Stored items
----

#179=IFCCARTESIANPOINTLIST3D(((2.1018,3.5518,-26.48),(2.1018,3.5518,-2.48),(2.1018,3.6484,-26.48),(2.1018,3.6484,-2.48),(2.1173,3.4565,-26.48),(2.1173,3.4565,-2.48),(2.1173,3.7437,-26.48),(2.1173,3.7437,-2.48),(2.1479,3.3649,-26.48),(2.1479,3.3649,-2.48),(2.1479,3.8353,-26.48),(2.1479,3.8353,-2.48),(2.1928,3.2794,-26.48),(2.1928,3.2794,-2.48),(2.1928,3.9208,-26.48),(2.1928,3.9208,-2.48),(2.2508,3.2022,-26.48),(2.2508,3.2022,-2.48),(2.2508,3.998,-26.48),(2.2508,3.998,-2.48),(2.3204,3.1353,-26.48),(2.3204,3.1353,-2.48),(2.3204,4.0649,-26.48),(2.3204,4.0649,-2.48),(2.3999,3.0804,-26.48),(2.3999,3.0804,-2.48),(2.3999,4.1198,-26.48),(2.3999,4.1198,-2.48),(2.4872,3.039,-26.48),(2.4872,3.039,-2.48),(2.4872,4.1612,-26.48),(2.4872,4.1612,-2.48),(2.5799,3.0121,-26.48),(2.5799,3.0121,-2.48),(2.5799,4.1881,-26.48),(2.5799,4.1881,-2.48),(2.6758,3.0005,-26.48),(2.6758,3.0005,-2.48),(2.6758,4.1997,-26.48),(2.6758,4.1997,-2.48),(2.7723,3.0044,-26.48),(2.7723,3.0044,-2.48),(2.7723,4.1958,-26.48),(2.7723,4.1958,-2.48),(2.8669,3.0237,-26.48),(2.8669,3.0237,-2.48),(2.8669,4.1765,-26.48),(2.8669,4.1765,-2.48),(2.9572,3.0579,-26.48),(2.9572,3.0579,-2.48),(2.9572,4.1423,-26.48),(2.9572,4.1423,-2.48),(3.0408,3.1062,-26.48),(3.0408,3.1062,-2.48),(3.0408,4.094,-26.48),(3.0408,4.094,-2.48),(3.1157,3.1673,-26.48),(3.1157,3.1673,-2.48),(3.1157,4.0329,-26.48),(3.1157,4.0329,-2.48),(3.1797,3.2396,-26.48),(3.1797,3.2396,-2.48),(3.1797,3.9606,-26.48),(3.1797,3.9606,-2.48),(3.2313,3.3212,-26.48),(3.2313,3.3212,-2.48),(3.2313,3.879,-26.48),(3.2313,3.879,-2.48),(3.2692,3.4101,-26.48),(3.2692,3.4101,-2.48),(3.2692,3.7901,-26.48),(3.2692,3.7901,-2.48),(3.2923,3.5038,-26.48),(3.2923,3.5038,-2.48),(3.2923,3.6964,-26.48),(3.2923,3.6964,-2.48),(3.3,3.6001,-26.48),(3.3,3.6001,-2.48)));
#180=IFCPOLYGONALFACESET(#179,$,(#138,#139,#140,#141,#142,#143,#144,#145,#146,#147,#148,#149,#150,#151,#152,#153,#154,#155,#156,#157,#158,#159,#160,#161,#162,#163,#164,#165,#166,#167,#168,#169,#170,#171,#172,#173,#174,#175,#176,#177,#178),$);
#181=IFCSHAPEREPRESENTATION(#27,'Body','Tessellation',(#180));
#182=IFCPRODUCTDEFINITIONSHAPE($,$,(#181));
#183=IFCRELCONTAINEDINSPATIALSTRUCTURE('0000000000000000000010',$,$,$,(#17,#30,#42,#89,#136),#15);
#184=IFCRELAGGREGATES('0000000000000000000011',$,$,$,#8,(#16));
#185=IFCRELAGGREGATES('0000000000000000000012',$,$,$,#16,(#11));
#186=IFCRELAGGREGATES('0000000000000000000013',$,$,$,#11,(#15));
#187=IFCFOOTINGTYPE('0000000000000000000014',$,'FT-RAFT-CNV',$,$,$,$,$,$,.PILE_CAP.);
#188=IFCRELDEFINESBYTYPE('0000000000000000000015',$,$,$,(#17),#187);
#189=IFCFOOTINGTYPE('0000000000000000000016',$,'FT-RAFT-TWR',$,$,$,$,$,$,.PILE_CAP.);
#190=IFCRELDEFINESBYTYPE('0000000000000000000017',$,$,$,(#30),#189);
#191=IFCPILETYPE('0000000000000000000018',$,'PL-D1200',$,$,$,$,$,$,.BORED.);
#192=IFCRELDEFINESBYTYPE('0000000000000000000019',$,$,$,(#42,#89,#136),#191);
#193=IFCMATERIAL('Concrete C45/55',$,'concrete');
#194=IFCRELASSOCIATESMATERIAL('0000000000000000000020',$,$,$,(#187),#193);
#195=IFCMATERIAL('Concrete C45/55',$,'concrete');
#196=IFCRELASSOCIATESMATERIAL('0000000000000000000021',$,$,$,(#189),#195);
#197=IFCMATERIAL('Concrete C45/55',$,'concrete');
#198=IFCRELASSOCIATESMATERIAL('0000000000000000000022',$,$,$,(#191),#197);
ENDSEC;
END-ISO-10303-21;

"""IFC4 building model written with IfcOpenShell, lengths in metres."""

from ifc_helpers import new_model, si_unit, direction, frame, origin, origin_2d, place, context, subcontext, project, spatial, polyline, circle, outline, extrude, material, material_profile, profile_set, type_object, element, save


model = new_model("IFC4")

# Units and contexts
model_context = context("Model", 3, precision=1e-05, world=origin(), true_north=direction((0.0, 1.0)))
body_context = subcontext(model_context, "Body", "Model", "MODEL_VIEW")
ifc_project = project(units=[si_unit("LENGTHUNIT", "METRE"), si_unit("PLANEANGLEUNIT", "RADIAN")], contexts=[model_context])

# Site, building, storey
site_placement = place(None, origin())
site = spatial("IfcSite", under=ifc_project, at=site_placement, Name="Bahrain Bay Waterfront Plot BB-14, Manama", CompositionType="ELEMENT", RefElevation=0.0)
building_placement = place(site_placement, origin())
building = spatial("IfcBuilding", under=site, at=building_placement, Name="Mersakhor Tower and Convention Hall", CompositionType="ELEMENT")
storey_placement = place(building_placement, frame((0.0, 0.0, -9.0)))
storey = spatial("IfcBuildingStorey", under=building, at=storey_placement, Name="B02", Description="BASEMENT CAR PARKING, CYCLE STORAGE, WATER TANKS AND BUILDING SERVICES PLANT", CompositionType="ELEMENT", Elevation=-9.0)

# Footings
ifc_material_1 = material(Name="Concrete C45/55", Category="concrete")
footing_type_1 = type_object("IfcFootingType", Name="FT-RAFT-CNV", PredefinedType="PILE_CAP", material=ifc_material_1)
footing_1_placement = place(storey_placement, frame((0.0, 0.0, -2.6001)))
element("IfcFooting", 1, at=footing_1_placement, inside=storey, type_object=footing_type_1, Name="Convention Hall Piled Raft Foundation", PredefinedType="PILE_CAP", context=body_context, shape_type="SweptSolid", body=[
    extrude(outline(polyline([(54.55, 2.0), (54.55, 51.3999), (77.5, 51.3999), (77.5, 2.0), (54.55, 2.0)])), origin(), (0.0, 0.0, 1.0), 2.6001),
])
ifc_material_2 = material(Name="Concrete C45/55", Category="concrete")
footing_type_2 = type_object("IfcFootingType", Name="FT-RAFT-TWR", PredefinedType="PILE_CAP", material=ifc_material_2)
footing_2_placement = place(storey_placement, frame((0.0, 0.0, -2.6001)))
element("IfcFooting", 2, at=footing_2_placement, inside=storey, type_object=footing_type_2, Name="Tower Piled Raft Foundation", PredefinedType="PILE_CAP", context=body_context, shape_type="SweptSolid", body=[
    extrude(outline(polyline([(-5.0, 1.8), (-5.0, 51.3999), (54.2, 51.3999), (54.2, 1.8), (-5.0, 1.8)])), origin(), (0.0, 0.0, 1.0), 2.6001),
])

----

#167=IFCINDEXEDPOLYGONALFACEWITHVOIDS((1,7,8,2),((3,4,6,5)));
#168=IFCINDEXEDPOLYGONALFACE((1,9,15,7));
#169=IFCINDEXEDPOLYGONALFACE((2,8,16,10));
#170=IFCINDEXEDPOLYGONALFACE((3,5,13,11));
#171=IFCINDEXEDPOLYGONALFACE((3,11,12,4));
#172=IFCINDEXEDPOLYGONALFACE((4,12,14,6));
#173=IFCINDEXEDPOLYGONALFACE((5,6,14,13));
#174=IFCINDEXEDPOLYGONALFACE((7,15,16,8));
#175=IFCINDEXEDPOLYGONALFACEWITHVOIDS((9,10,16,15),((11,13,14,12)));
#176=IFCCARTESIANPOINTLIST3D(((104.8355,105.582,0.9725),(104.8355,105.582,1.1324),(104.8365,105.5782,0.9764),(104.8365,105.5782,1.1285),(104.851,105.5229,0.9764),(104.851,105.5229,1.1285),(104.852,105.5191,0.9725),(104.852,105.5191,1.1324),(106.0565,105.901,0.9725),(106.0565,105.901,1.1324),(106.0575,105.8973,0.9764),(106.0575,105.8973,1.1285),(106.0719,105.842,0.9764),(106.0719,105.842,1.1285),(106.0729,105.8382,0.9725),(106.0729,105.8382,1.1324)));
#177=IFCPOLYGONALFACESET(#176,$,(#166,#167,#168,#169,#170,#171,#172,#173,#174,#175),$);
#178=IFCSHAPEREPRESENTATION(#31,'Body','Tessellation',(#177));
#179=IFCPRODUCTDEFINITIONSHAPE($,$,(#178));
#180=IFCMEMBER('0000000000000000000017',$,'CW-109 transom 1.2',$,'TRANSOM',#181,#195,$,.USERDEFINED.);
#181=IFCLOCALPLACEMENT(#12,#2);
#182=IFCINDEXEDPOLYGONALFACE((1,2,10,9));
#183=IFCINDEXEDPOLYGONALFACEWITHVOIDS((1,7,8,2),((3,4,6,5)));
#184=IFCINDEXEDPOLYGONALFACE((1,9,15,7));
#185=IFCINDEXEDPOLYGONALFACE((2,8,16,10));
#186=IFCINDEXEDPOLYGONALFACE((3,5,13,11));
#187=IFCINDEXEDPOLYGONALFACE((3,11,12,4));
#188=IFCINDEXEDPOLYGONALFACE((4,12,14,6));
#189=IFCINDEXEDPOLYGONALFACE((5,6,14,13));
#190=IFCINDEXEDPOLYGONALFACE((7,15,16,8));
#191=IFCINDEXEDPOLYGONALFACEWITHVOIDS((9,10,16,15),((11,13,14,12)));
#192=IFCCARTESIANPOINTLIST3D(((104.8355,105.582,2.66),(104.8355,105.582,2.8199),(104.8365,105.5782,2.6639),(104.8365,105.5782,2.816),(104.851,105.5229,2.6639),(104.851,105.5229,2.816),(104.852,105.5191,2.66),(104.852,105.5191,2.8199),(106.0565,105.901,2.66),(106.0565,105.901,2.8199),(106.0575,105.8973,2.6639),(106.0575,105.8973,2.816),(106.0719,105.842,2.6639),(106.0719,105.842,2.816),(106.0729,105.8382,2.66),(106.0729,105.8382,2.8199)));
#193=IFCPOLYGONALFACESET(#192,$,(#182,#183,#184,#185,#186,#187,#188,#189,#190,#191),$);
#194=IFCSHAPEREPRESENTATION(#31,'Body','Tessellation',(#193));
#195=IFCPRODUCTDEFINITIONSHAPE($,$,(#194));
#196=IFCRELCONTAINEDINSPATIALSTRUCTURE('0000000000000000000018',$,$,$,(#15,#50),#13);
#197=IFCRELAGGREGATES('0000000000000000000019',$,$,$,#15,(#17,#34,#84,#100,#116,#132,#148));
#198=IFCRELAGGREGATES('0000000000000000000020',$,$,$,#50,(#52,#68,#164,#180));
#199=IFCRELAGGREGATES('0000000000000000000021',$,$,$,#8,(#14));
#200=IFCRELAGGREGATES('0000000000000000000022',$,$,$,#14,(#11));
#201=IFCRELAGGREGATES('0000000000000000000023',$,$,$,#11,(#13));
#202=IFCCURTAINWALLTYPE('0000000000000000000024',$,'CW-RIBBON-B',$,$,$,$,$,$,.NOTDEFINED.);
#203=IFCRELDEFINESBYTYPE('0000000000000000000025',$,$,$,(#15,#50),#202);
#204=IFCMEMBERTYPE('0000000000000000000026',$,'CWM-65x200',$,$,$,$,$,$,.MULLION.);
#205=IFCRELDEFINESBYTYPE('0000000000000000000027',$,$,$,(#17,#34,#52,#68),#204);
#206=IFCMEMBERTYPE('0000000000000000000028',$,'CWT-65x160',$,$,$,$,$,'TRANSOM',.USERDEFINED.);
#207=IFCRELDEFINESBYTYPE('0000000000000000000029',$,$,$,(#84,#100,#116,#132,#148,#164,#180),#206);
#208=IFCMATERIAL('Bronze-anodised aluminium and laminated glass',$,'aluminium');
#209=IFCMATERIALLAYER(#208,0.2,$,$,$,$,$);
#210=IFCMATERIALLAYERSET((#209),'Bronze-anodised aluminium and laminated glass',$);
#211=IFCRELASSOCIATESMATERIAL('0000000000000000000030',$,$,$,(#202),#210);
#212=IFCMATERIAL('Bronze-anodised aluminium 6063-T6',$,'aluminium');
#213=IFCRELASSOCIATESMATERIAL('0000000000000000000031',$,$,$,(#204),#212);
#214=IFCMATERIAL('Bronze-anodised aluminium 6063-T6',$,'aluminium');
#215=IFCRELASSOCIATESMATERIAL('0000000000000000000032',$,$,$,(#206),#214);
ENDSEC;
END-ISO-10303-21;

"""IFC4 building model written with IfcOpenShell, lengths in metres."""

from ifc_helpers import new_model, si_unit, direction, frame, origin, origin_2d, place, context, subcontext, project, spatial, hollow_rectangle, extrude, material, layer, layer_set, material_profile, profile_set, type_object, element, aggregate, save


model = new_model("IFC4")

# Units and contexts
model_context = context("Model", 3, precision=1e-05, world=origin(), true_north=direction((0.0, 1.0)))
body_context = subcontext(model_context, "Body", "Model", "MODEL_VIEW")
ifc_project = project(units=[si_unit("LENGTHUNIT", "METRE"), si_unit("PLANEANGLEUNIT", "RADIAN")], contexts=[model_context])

----

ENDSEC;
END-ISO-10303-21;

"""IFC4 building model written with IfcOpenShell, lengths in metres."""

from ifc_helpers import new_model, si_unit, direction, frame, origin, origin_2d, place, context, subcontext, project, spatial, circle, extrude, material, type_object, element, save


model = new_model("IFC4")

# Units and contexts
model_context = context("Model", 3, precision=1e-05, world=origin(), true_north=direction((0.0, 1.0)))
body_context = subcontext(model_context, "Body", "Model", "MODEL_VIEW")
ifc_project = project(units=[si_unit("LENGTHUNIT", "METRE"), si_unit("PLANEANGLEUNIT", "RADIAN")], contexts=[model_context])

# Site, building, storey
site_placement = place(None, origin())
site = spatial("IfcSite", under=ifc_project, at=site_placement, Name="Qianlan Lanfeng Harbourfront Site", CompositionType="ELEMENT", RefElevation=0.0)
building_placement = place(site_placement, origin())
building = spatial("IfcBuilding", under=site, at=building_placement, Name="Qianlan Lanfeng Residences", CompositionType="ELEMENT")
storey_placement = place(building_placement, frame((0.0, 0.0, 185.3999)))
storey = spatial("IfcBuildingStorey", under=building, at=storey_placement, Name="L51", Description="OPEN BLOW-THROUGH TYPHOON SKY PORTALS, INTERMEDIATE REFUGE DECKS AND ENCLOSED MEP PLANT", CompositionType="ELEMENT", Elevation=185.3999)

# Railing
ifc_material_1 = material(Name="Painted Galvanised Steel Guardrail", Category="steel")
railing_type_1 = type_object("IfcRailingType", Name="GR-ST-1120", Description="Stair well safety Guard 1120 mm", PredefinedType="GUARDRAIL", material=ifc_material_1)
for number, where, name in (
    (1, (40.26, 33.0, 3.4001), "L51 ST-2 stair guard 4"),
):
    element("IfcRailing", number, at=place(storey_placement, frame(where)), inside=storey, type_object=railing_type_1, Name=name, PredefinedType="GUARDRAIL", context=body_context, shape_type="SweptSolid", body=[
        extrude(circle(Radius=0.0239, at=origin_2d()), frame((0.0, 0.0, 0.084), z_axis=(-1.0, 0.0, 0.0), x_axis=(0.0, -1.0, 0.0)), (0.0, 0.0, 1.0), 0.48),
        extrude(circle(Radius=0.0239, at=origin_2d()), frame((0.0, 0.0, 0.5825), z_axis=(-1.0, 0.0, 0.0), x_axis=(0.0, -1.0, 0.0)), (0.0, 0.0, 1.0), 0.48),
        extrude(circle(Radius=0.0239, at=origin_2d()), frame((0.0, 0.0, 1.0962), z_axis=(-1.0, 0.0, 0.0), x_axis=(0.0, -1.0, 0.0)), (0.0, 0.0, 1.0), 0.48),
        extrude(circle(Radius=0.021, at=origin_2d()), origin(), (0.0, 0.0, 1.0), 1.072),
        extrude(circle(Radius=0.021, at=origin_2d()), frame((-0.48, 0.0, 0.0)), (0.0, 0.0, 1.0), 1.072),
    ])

----

AIM OF THE TASK:
Where does the word "IFCRELAGGREGATES" appear in the records above? Return every line that holds it.

ANSWER BOX:
#184=IFCRELAGGREGATES('0000000000000000000011',$,$,$,#8,(#16));
#185=IFCRELAGGREGATES('0000000000000000000012',$,$,$,#16,(#11));
#186=IFCRELAGGREGATES('0000000000000000000013',$,$,$,#11,(#15));
#197=IFCRELAGGREGATES('0000000000000000000019',$,$,$,#15,(#17,#34,#84,#100,#116,#132,#148));
#198=IFCRELAGGREGATES('0000000000000000000020',$,$,$,#50,(#52,#68,#164,#180));
#199=IFCRELAGGREGATES('0000000000000000000021',$,$,$,#8,(#14));
#200=IFCRELAGGREGATES('0000000000000000000022',$,$,$,#14,(#11));
#201=IFCRELAGGREGATES('0000000000000000000023',$,$,$,#11,(#13));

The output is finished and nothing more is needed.